Look through the records and copy each line with the string "Steel" in it.

START Task data

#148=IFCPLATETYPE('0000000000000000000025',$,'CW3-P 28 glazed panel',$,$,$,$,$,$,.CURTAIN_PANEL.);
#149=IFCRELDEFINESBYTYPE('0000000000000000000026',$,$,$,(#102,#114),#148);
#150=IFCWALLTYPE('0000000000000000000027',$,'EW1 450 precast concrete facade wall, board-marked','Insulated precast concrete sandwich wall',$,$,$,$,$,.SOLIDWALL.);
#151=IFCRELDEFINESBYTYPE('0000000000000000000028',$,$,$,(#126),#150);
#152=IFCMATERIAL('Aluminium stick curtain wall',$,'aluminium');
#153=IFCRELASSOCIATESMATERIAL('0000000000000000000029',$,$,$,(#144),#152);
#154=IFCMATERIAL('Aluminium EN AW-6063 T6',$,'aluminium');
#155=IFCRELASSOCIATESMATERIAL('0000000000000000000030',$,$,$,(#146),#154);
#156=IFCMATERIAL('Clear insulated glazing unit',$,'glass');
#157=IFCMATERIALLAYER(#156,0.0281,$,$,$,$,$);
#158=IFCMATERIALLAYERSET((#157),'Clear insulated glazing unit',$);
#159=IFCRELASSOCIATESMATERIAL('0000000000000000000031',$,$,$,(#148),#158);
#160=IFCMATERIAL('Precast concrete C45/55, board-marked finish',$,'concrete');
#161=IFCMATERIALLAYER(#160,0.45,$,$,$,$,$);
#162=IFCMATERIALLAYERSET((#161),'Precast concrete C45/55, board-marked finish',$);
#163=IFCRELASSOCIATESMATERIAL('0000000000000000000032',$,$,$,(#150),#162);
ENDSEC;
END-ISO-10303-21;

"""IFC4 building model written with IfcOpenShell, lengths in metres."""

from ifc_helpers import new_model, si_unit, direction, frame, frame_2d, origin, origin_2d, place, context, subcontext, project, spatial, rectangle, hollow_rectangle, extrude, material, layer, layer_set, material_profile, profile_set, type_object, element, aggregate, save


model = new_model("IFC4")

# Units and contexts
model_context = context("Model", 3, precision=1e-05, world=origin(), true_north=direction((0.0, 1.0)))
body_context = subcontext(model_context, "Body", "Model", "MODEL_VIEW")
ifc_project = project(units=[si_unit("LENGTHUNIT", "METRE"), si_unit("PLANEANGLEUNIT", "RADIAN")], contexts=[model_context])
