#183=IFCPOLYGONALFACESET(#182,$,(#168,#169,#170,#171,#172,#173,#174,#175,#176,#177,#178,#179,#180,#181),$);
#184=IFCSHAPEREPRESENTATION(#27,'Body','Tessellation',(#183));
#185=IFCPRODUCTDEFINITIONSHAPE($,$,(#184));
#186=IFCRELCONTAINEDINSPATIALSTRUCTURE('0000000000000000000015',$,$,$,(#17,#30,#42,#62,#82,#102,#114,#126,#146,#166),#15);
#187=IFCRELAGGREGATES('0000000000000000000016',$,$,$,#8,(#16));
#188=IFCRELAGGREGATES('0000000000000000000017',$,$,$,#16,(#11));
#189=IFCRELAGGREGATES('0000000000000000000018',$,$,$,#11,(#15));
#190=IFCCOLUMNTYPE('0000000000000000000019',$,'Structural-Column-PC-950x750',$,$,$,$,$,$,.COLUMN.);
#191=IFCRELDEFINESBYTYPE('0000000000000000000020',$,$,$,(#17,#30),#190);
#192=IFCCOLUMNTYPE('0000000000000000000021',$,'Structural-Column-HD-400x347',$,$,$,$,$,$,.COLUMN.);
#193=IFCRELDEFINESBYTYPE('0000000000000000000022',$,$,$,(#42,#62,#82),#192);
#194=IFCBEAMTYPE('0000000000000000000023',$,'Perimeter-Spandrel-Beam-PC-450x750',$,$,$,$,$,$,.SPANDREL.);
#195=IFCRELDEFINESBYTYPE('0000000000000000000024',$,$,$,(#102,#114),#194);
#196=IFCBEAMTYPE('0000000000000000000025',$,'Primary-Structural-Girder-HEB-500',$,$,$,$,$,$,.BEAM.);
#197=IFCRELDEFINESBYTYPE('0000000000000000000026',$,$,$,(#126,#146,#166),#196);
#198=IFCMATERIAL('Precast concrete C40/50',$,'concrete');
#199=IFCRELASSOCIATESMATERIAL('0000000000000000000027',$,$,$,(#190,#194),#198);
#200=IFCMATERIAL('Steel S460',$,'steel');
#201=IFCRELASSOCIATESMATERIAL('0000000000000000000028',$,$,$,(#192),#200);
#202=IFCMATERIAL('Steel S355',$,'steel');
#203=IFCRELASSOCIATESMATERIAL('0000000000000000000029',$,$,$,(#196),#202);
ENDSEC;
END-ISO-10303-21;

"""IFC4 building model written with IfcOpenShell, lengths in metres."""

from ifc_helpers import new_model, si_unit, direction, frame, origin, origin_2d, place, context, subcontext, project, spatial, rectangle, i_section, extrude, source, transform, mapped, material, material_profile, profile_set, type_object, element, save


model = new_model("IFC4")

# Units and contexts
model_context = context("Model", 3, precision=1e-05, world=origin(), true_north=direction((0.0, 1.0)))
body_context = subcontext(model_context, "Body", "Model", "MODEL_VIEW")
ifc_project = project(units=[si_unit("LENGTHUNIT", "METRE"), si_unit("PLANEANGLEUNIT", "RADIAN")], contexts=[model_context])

END Task data

- _Output for this exercise_
#200=IFCMATERIAL('Steel S460',$,'steel');
#202=IFCMATERIAL('Steel S355',$,'steel');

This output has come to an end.